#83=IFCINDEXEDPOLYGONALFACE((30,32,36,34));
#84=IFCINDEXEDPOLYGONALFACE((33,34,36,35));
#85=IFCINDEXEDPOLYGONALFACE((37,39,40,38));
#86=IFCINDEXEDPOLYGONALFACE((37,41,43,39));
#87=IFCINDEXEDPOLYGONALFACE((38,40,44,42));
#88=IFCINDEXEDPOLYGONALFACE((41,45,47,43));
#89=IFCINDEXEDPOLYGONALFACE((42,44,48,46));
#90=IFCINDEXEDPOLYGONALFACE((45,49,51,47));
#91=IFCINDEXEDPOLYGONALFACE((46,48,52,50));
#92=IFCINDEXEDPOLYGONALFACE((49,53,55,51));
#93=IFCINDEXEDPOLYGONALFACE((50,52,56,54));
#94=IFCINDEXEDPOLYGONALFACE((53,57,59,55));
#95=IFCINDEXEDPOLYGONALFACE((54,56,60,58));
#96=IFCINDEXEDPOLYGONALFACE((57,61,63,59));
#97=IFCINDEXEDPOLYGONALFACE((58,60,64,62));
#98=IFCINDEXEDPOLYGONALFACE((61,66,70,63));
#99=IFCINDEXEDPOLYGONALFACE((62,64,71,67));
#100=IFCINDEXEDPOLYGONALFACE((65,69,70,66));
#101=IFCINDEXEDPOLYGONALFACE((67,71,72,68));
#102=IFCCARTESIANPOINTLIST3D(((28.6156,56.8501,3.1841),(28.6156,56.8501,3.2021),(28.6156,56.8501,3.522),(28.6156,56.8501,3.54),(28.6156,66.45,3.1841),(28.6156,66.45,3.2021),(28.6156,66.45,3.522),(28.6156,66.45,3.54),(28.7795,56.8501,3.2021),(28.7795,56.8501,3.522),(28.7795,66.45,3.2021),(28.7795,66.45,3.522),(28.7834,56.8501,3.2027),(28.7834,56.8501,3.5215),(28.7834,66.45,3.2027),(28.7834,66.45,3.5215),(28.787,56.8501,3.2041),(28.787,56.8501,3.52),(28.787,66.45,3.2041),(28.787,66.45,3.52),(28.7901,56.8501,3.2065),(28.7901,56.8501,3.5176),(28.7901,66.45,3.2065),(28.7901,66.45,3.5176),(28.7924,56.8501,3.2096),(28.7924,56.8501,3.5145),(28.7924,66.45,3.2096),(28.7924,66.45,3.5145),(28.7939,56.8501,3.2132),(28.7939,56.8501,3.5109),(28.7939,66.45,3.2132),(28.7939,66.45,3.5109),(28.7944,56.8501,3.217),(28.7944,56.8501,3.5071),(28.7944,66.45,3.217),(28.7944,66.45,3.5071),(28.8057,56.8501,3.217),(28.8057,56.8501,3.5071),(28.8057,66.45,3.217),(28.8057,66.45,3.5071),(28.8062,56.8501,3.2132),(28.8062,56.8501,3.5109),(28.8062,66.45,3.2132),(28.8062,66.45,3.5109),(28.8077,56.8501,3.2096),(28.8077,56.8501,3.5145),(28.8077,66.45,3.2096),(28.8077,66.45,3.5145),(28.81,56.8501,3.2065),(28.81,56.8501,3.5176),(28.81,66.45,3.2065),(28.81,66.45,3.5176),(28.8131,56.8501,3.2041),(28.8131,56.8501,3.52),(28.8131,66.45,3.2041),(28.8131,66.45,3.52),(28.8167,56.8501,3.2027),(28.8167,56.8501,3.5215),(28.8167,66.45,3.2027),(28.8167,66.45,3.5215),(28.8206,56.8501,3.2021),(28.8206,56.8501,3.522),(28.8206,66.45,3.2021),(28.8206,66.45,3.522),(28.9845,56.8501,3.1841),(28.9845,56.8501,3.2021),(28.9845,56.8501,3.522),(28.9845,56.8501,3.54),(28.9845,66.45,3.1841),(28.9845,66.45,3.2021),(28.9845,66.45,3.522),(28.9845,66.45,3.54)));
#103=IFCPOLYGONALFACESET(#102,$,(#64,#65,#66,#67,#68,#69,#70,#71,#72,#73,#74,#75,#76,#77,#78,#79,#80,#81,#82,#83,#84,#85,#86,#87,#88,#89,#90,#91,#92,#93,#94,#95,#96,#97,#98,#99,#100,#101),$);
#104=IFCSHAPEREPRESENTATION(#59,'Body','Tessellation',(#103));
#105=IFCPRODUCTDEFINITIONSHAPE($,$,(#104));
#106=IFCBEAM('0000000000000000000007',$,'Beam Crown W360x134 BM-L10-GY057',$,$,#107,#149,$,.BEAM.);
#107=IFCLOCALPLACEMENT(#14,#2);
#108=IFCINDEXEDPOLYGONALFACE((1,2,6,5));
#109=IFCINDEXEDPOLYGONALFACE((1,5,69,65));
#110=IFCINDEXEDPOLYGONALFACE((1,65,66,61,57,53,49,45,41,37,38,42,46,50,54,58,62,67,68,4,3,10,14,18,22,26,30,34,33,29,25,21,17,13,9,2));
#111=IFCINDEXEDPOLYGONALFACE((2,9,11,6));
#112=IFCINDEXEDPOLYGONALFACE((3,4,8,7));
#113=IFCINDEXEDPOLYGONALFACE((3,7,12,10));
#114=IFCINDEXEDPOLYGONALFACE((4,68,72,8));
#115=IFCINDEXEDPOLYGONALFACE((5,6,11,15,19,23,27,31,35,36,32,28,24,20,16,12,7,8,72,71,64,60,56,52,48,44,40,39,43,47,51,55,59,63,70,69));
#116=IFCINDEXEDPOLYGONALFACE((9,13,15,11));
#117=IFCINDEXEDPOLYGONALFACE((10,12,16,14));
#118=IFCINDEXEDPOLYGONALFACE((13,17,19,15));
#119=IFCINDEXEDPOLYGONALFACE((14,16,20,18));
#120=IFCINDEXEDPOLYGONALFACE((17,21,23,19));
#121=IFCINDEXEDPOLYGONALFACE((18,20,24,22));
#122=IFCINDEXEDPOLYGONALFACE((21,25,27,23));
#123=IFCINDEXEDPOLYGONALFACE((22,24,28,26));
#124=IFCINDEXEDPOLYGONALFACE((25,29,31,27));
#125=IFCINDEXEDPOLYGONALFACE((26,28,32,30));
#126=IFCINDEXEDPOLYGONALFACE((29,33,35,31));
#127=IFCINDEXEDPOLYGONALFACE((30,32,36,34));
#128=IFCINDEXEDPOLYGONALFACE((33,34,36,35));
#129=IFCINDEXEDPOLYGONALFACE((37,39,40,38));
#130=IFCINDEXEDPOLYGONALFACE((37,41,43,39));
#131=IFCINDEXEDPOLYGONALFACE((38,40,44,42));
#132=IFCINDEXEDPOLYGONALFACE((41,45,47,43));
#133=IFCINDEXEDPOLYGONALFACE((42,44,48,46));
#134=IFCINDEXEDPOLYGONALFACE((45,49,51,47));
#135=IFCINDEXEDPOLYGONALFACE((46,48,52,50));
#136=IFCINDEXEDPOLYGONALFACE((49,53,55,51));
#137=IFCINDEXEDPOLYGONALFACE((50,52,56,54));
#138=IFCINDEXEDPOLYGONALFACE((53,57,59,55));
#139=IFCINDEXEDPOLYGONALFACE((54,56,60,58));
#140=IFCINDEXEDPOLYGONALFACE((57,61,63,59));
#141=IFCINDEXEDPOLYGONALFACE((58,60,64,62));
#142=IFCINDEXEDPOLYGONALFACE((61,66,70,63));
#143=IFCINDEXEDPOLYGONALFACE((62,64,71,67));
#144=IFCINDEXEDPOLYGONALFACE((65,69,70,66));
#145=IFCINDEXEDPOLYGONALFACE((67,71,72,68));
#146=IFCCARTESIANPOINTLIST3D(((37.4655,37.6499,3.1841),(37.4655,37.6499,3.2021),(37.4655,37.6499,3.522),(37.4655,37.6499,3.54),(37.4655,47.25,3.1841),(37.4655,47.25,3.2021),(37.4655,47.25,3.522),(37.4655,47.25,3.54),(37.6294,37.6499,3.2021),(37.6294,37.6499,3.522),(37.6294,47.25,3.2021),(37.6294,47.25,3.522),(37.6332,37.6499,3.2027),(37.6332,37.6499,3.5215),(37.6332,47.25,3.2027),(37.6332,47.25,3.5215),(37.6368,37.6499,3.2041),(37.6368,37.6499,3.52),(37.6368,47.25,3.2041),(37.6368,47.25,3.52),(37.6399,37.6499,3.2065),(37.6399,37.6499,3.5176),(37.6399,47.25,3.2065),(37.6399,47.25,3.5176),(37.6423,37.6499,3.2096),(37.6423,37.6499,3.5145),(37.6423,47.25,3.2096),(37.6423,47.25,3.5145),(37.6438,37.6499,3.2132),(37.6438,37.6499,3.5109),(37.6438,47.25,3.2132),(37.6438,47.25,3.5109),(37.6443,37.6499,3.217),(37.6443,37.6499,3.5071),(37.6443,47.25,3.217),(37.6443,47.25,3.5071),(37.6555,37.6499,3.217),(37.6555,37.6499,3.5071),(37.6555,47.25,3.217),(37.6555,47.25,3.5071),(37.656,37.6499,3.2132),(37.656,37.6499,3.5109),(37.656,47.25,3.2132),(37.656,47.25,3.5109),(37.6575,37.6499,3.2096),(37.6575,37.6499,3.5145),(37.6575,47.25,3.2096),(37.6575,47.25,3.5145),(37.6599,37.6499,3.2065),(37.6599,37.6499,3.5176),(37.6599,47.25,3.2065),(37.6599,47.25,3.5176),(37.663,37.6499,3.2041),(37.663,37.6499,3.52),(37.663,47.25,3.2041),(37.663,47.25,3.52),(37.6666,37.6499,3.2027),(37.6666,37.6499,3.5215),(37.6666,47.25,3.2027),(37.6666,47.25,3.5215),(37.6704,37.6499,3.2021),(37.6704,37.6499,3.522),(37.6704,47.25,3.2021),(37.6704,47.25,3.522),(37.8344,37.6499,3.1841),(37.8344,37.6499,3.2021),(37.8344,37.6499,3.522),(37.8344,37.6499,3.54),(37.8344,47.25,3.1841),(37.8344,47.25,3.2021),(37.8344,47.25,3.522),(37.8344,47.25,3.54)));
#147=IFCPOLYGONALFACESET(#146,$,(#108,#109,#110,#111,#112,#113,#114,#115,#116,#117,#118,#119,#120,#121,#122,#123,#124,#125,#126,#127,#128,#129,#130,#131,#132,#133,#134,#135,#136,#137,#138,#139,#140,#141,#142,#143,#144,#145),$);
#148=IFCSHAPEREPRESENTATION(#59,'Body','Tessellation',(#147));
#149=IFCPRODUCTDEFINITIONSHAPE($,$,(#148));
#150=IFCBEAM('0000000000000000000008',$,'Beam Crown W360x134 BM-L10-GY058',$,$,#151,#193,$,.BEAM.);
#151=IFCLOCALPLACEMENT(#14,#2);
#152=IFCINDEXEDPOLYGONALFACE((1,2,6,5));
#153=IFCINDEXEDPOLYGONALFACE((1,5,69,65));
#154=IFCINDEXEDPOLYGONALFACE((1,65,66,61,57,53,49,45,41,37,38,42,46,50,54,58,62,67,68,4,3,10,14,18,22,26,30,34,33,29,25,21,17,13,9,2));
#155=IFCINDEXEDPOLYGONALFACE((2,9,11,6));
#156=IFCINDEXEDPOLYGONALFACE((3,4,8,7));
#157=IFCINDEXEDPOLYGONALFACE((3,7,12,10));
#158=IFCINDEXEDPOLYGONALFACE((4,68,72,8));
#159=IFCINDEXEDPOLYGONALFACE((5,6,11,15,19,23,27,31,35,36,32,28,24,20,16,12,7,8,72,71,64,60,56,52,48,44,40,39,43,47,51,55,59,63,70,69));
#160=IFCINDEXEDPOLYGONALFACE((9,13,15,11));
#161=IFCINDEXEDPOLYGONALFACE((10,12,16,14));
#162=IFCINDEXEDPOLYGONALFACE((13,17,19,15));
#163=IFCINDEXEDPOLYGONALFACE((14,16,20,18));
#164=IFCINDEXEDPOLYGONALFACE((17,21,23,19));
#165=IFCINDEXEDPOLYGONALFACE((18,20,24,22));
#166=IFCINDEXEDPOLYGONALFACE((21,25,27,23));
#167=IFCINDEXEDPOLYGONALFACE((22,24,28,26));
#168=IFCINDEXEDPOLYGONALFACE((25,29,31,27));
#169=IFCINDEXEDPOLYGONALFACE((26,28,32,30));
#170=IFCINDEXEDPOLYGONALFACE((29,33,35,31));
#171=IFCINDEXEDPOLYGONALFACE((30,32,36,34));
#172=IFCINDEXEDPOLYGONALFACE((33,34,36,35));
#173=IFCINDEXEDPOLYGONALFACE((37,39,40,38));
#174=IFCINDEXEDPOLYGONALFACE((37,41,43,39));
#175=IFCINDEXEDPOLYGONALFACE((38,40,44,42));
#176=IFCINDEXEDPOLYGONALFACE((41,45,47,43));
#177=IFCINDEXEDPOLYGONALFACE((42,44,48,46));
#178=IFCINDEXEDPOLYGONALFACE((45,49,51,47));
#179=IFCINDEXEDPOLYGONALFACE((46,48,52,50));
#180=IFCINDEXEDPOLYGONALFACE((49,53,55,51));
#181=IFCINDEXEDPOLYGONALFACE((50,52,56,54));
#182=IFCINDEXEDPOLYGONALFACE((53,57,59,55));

* **EXERCISE**
Please transcribe exactly the lines above from the line that has "#106=IFCBEAM('0000000000000000000007',$,'Beam Crown W360x134" up to and including the line that has "#114=IFCINDEXEDPOLYGONALFACE((4,68,72,8));"; no other line belongs in the answer.

* **RESPONSE AREA**
#106=IFCBEAM('0000000000000000000007',$,'Beam Crown W360x134 BM-L10-GY057',$,$,#107,#149,$,.BEAM.);
#107=IFCLOCALPLACEMENT(#14,#2);
#108=IFCINDEXEDPOLYGONALFACE((1,2,6,5));
#109=IFCINDEXEDPOLYGONALFACE((1,5,69,65));
#110=IFCINDEXEDPOLYGONALFACE((1,65,66,61,57,53,49,45,41,37,38,42,46,50,54,58,62,67,68,4,3,10,14,18,22,26,30,34,33,29,25,21,17,13,9,2));
#111=IFCINDEXEDPOLYGONALFACE((2,9,11,6));
#112=IFCINDEXEDPOLYGONALFACE((3,4,8,7));
#113=IFCINDEXEDPOLYGONALFACE((3,7,12,10));
#114=IFCINDEXEDPOLYGONALFACE((4,68,72,8));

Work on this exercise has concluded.